• _Problem to solve_:
Give only the number of lines in these records that contain the word "under".

Dataset records
# # # #
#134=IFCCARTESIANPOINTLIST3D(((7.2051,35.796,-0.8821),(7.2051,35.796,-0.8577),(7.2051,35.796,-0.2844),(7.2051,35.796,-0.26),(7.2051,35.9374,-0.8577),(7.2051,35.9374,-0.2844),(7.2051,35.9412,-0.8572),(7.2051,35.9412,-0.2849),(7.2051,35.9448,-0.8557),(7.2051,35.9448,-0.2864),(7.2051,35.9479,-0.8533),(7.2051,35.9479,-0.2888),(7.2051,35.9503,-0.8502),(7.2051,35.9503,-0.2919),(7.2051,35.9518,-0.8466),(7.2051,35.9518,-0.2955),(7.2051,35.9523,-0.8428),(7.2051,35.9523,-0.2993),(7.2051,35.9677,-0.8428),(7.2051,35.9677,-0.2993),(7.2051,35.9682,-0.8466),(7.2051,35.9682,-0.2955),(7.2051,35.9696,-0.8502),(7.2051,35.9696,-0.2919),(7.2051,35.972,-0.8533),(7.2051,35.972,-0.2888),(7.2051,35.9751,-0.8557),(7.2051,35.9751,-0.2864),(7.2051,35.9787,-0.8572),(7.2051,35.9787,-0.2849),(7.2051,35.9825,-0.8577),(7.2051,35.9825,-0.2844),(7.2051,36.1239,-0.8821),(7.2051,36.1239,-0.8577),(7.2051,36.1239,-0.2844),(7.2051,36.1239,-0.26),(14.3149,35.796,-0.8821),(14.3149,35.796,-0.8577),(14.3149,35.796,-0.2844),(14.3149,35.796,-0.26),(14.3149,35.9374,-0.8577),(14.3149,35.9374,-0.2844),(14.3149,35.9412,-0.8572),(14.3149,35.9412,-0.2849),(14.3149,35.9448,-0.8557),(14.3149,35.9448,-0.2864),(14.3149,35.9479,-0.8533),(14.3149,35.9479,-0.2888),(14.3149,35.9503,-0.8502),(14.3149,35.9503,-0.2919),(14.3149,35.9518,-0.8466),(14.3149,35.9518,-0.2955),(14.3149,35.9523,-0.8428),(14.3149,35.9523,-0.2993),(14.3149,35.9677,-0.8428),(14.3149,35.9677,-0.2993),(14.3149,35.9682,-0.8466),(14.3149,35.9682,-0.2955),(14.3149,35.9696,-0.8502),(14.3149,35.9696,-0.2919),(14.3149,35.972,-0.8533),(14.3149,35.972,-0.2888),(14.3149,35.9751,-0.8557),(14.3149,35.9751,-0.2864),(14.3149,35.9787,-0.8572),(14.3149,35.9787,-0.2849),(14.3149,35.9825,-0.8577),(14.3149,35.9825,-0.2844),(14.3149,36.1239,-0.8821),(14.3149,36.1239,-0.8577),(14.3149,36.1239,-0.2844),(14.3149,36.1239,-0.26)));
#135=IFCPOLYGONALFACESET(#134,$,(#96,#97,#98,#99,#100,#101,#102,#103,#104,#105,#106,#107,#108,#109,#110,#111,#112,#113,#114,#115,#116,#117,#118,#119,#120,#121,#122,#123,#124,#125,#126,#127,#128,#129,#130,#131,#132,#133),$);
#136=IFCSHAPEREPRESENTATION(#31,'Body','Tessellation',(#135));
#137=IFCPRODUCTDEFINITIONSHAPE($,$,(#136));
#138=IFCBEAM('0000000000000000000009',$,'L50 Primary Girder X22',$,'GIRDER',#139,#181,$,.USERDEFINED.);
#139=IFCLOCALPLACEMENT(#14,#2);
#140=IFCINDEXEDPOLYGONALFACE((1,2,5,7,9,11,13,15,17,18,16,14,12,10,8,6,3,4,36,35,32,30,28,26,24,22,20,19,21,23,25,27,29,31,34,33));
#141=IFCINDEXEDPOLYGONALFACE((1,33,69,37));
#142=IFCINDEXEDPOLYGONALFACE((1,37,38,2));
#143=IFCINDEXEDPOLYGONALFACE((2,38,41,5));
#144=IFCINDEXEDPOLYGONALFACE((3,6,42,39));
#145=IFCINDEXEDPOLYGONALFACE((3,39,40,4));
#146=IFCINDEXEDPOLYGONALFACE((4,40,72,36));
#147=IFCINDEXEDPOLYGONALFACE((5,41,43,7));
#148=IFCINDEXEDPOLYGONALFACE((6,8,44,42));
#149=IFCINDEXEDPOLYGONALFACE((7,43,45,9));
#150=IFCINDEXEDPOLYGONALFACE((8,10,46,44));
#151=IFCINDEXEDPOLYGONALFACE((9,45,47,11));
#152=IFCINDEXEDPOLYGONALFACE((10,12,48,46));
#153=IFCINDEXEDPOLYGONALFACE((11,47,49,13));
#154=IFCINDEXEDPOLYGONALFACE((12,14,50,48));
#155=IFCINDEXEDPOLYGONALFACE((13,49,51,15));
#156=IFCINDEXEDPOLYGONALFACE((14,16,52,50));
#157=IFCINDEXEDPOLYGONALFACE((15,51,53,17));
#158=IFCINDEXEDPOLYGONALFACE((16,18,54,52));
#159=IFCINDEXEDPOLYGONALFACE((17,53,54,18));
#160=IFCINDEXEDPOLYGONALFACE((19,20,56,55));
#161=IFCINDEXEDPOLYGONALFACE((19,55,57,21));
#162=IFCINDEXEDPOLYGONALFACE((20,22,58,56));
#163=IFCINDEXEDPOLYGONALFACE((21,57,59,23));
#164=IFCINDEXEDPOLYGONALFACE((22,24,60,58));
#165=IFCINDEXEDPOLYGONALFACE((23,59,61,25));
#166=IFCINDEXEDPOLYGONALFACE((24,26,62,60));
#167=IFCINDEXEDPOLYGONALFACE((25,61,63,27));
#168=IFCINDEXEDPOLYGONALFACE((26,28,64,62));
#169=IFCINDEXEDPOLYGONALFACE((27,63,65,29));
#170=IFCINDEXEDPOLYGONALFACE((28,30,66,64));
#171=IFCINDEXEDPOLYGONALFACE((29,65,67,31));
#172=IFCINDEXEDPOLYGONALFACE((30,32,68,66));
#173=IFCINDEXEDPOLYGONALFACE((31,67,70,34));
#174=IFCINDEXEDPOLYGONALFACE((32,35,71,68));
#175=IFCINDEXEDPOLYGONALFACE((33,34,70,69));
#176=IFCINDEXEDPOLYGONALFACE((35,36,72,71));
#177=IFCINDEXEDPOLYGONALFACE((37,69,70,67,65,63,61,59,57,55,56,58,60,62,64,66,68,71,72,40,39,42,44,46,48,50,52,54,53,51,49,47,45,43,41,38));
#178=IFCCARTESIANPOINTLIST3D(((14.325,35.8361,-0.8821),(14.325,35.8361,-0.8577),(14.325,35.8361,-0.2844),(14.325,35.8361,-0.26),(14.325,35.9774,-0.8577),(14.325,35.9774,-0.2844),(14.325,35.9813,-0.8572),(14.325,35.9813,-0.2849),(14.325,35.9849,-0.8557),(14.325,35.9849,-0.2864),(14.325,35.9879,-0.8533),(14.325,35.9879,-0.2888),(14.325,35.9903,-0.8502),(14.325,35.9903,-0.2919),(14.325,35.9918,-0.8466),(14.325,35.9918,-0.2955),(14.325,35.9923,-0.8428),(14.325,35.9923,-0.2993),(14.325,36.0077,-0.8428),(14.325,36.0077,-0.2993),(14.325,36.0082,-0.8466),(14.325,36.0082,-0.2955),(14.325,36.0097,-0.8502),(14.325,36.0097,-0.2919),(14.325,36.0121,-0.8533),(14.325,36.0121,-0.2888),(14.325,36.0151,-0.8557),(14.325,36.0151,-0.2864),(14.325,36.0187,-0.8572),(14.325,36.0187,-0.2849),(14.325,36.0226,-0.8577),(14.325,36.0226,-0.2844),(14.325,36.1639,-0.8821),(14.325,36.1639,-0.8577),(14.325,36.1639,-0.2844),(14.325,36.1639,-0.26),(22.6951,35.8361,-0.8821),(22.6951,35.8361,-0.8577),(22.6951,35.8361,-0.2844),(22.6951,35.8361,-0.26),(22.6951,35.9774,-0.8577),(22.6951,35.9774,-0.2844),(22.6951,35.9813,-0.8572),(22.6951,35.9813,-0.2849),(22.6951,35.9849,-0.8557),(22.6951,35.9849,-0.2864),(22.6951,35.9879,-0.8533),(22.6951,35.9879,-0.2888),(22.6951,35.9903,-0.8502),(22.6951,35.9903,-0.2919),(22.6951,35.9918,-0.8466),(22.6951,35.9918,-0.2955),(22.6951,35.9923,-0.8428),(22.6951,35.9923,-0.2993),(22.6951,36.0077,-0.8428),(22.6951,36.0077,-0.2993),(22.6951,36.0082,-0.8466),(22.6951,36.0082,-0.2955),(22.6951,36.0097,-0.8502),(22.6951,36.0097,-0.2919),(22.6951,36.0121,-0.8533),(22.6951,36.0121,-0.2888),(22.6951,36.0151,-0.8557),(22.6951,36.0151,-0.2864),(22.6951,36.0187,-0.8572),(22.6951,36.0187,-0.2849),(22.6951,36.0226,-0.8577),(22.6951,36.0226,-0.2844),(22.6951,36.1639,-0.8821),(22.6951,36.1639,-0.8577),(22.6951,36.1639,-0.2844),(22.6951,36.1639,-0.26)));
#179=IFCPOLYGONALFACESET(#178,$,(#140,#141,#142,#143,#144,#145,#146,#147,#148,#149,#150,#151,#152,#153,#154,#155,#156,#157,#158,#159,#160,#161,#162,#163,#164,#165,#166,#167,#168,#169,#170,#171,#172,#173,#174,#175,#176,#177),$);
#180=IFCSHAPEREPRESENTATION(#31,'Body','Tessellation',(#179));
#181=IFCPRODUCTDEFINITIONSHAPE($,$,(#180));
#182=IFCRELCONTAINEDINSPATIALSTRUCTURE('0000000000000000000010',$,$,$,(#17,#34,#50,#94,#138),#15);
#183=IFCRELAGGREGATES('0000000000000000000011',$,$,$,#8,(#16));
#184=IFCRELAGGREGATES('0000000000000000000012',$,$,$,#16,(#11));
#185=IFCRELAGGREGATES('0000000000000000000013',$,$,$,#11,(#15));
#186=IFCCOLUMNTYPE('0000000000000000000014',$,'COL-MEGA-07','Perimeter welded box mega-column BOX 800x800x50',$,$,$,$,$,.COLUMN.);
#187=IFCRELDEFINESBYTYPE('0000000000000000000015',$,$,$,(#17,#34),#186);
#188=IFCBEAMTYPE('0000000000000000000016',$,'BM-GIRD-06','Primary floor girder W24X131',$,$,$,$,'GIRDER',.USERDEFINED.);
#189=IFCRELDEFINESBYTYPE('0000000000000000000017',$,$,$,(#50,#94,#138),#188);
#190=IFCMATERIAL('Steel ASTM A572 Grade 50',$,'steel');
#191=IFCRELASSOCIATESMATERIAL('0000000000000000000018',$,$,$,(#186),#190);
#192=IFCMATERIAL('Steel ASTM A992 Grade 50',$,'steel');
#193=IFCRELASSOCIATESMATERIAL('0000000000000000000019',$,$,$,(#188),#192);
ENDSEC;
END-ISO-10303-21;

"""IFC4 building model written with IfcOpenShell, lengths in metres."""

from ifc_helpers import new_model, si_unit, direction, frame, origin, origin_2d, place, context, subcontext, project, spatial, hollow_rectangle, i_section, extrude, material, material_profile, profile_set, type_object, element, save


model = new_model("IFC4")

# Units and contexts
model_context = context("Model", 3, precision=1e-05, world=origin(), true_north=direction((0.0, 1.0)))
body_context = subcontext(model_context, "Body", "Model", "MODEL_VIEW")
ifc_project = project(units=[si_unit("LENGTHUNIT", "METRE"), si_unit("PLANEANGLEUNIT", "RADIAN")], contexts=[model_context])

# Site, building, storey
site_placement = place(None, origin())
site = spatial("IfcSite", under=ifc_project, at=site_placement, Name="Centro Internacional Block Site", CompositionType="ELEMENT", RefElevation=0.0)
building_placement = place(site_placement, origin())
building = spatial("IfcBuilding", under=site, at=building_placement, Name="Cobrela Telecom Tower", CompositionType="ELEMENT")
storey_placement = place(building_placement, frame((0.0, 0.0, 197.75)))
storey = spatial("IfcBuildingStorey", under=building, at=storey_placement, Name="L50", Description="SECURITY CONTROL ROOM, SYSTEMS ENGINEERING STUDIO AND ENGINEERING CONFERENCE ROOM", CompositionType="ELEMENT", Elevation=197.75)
# # # #
• _Answer section_:
3